(Material to process Opens)

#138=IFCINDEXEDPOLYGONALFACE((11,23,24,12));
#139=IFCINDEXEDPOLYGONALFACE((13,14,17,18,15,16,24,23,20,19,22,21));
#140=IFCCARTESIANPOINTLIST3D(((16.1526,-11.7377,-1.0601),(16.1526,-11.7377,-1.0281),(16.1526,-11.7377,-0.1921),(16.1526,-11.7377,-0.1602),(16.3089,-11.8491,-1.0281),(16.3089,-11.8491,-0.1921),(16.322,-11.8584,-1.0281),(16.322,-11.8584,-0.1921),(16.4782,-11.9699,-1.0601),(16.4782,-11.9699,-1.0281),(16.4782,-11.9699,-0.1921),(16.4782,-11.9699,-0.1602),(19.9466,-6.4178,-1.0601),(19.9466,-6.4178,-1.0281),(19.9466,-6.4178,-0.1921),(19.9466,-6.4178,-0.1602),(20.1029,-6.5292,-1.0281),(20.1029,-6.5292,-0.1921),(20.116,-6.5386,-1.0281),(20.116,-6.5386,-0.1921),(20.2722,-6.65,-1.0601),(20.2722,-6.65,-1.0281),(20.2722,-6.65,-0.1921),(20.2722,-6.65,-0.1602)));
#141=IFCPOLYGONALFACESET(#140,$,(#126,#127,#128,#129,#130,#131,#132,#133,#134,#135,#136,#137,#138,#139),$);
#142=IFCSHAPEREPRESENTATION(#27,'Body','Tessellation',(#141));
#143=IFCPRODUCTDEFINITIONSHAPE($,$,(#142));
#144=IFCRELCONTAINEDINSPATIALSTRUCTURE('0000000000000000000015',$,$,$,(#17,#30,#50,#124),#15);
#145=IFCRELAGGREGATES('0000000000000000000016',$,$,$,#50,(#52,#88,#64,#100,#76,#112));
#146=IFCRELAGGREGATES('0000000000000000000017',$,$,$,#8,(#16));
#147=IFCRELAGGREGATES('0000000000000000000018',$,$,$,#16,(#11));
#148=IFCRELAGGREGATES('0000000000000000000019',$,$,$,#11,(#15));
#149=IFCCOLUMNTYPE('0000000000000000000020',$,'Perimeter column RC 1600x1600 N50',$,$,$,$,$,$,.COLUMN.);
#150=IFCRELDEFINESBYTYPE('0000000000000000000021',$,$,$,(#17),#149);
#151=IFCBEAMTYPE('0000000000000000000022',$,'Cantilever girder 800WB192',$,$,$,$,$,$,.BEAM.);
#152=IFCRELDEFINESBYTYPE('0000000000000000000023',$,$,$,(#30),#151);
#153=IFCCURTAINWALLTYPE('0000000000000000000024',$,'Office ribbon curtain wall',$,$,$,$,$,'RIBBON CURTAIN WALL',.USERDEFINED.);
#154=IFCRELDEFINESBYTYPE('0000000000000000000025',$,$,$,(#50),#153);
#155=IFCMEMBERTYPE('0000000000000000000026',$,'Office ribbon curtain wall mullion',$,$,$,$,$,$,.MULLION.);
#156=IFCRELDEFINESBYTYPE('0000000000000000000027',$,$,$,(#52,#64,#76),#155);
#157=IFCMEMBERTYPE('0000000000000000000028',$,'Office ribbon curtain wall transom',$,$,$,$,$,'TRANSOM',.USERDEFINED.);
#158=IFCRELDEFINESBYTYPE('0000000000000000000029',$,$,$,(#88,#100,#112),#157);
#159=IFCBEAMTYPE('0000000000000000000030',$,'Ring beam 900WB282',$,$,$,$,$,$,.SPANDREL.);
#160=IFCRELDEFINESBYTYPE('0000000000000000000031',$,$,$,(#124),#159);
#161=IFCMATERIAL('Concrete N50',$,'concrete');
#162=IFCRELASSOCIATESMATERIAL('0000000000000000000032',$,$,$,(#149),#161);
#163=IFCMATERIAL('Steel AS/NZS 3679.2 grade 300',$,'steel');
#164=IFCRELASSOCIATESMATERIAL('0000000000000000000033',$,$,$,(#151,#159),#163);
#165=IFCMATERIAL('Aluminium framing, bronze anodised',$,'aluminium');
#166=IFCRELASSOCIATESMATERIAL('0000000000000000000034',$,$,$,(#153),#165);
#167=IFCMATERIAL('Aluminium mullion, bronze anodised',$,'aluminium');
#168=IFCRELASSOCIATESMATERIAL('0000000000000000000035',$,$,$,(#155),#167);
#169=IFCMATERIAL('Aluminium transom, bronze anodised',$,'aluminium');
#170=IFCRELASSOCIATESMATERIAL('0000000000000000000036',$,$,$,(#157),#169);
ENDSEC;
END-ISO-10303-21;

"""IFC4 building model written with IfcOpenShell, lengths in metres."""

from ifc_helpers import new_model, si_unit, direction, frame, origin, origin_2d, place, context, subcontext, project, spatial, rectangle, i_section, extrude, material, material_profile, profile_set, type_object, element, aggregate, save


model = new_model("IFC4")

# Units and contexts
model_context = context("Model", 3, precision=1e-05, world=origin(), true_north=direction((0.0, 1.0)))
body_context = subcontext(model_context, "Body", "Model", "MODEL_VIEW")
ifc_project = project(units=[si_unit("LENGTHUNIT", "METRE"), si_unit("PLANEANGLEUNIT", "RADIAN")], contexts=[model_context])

(Material to process Closes)

◆ Aim of the task
If a line of the listing contains the string "Aluminium", count it; then report the total alone.

◆ Finished exercise
3